[Task details] Starting with the line that contains "#64=IFCINDEXEDPOLYGONALFACEWITHVOIDS((1,2,8,7),((3,5,6,4)));" and stopping after the line that contains "#78=IFCBEAM('0000000000000000000007',$,'L48 Edge Spandrel", return each line below exactly as written, with no others.

■ ■ ■ ■ ■ ■ ■

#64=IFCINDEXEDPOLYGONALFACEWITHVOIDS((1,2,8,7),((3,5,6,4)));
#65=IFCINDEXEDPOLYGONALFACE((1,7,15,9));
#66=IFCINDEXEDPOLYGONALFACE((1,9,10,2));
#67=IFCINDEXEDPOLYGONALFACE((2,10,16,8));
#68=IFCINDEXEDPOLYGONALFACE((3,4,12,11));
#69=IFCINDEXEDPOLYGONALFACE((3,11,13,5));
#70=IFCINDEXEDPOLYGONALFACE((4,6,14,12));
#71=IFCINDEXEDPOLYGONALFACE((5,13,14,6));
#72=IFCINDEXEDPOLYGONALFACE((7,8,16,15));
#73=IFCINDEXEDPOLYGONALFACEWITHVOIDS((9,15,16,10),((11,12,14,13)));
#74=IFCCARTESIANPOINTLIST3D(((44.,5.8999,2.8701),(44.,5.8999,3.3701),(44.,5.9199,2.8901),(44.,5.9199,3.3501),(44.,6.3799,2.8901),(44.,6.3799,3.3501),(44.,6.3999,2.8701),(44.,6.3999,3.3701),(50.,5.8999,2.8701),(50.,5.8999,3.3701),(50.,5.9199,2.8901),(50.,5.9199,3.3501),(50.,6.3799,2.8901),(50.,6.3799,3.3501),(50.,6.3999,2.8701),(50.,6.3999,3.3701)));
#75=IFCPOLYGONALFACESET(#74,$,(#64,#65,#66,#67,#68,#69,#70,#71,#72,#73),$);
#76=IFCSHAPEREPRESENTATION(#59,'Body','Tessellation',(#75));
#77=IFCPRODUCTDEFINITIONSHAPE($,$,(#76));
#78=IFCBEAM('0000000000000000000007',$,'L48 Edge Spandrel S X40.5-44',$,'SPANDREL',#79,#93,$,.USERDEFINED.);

■ ■ ■ ■ ■ ■ ■

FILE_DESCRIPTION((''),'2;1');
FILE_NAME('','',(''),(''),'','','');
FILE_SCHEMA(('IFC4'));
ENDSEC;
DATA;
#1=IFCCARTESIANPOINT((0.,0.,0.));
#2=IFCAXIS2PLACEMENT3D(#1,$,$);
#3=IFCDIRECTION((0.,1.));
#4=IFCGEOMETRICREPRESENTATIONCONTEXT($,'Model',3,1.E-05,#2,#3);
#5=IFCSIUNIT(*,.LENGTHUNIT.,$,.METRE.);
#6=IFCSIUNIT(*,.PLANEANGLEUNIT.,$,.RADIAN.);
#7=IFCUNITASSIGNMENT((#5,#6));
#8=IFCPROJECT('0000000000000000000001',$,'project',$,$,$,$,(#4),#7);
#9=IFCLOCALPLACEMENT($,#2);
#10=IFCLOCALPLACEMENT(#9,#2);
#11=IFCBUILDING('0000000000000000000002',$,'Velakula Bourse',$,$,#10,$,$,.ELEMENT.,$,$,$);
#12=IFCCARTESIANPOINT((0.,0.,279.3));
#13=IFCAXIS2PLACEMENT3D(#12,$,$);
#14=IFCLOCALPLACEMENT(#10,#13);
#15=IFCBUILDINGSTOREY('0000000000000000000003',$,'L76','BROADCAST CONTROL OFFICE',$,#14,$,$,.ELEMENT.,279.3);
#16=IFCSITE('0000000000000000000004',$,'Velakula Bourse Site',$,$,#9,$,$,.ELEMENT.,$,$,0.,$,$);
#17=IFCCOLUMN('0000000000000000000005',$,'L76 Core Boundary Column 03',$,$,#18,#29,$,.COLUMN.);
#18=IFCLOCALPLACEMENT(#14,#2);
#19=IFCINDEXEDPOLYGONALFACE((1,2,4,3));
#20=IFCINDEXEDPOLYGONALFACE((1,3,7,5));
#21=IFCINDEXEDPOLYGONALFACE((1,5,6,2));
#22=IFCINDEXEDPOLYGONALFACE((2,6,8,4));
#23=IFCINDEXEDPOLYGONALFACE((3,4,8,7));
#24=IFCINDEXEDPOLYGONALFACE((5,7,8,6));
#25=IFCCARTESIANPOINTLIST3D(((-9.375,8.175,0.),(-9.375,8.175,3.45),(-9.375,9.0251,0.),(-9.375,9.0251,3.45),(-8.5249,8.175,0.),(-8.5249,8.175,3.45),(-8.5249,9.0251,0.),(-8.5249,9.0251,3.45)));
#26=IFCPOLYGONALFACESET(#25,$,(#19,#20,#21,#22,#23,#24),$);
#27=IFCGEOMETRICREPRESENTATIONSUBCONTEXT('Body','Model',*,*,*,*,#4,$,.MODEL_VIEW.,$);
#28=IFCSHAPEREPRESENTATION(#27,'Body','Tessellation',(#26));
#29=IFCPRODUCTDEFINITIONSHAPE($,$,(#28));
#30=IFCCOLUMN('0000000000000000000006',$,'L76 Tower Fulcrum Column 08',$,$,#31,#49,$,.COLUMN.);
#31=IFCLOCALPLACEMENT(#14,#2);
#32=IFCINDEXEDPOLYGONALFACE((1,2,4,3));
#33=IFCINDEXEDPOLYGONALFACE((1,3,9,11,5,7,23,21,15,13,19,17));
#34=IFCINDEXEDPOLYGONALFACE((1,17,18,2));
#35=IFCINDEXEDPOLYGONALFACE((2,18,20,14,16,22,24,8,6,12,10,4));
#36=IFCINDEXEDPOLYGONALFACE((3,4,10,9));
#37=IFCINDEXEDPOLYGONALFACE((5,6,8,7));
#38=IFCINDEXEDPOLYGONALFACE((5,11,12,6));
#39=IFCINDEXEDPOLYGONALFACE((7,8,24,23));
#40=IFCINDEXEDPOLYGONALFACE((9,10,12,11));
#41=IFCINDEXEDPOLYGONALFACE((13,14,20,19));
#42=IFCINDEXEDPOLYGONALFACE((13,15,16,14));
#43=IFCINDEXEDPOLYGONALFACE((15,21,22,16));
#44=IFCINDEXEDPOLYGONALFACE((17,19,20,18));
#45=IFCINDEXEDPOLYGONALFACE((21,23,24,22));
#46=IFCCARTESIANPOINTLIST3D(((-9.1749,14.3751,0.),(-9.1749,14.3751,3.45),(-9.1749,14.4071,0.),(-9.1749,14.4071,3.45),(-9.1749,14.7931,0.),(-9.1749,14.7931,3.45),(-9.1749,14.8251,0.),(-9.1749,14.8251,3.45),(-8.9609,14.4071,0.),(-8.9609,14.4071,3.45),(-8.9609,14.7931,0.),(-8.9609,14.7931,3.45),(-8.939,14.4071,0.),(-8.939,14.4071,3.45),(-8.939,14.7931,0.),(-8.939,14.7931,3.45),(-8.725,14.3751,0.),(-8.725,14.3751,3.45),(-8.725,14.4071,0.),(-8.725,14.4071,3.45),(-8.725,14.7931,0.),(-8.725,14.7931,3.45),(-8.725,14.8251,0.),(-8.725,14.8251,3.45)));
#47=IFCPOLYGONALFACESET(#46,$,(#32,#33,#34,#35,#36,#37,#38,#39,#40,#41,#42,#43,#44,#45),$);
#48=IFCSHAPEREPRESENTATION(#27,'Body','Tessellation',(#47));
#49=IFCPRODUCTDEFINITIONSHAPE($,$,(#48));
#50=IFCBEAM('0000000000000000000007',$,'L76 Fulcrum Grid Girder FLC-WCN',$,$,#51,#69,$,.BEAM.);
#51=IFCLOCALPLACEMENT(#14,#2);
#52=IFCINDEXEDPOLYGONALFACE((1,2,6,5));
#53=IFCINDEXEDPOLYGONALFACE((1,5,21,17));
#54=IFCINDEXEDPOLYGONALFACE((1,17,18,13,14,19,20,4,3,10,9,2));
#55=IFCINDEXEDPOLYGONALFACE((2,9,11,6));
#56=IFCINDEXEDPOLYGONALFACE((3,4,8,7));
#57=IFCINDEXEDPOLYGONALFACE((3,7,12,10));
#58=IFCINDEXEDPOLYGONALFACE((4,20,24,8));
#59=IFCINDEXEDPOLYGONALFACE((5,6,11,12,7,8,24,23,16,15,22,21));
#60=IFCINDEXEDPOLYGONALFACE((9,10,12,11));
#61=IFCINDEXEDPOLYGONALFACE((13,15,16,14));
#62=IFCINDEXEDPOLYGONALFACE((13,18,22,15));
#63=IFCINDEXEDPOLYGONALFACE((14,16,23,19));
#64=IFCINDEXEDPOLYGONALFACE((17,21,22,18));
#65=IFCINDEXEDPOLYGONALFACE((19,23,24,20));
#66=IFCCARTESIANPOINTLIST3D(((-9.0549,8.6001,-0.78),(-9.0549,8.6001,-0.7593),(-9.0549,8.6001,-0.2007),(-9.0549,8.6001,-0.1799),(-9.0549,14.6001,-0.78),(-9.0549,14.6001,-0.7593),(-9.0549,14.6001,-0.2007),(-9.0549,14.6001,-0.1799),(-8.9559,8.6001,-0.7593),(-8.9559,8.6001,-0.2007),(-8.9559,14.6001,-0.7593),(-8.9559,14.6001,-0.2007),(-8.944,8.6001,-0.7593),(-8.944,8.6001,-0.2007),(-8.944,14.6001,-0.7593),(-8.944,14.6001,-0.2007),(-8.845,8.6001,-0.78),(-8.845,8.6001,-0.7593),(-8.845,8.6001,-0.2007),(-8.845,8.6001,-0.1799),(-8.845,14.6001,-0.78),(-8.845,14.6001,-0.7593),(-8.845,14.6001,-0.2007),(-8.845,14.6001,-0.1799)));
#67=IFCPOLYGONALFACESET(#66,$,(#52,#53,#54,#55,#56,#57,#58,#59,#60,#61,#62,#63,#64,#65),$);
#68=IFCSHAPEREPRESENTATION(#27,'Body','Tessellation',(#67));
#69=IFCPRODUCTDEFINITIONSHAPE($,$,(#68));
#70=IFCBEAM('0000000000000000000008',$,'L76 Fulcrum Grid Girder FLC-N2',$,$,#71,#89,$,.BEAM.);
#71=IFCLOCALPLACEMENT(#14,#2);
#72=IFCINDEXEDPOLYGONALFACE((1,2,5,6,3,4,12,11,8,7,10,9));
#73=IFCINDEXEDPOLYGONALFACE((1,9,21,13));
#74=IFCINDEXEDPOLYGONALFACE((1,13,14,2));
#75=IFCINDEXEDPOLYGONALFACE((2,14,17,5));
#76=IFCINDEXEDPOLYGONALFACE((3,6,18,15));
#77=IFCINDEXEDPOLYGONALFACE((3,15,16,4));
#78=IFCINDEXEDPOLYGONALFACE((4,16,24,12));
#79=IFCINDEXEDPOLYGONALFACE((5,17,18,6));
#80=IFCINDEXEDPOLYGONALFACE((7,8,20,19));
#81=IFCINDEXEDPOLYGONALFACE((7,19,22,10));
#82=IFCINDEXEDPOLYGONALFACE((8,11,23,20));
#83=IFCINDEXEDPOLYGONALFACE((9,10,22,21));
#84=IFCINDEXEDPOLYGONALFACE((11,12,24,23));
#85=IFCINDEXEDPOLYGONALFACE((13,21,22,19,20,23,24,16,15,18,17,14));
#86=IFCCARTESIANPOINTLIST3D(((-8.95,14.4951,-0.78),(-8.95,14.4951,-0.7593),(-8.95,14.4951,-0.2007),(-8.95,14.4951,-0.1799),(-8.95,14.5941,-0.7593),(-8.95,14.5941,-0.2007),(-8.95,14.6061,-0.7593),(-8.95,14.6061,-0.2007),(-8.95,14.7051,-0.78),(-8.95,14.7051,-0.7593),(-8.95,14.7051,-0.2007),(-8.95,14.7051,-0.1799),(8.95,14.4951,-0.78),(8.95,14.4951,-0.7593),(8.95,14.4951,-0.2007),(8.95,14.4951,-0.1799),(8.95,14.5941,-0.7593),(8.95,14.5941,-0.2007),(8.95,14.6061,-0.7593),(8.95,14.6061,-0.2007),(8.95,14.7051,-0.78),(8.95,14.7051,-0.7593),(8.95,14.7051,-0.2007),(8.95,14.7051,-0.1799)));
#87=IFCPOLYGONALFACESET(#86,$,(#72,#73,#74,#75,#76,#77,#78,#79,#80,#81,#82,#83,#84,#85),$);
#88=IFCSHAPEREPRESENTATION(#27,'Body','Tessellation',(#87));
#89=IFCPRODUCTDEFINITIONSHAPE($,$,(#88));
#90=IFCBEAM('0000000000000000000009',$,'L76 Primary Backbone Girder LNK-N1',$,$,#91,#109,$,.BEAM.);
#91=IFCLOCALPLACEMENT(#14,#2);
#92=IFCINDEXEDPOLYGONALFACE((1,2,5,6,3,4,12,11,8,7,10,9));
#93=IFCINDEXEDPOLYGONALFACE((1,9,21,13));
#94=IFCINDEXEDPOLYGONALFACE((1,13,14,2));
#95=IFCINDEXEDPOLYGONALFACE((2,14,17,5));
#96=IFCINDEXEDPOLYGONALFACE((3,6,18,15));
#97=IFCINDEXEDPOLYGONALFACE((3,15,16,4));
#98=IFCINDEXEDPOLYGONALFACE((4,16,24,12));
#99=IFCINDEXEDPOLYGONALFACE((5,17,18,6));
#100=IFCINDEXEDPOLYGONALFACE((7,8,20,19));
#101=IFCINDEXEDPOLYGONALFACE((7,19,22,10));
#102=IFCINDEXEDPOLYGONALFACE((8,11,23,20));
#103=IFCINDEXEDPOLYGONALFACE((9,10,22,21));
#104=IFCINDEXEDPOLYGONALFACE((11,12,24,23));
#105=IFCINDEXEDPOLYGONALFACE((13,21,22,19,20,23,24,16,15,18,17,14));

■ ■ ■ ■ ■ ■ ■

[Answer to the problem]
#64=IFCINDEXEDPOLYGONALFACEWITHVOIDS((1,2,8,7),((3,5,6,4)));
#65=IFCINDEXEDPOLYGONALFACE((1,7,15,9));
#66=IFCINDEXEDPOLYGONALFACE((1,9,10,2));
#67=IFCINDEXEDPOLYGONALFACE((2,10,16,8));
#68=IFCINDEXEDPOLYGONALFACE((3,4,12,11));
#69=IFCINDEXEDPOLYGONALFACE((3,11,13,5));
#70=IFCINDEXEDPOLYGONALFACE((4,6,14,12));
#71=IFCINDEXEDPOLYGONALFACE((5,13,14,6));
#72=IFCINDEXEDPOLYGONALFACE((7,8,16,15));
#73=IFCINDEXEDPOLYGONALFACEWITHVOIDS((9,15,16,10),((11,12,14,13)));
#74=IFCCARTESIANPOINTLIST3D(((44.,5.8999,2.8701),(44.,5.8999,3.3701),(44.,5.9199,2.8901),(44.,5.9199,3.3501),(44.,6.3799,2.8901),(44.,6.3799,3.3501),(44.,6.3999,2.8701),(44.,6.3999,3.3701),(50.,5.8999,2.8701),(50.,5.8999,3.3701),(50.,5.9199,2.8901),(50.,5.9199,3.3501),(50.,6.3799,2.8901),(50.,6.3799,3.3501),(50.,6.3999,2.8701),(50.,6.3999,3.3701)));
#75=IFCPOLYGONALFACESET(#74,$,(#64,#65,#66,#67,#68,#69,#70,#71,#72,#73),$);
#76=IFCSHAPEREPRESENTATION(#59,'Body','Tessellation',(#75));
#77=IFCPRODUCTDEFINITIONSHAPE($,$,(#76));
#78=IFCBEAM('0000000000000000000007',$,'L48 Edge Spandrel S X40.5-44',$,'SPANDREL',#79,#93,$,.USERDEFINED.);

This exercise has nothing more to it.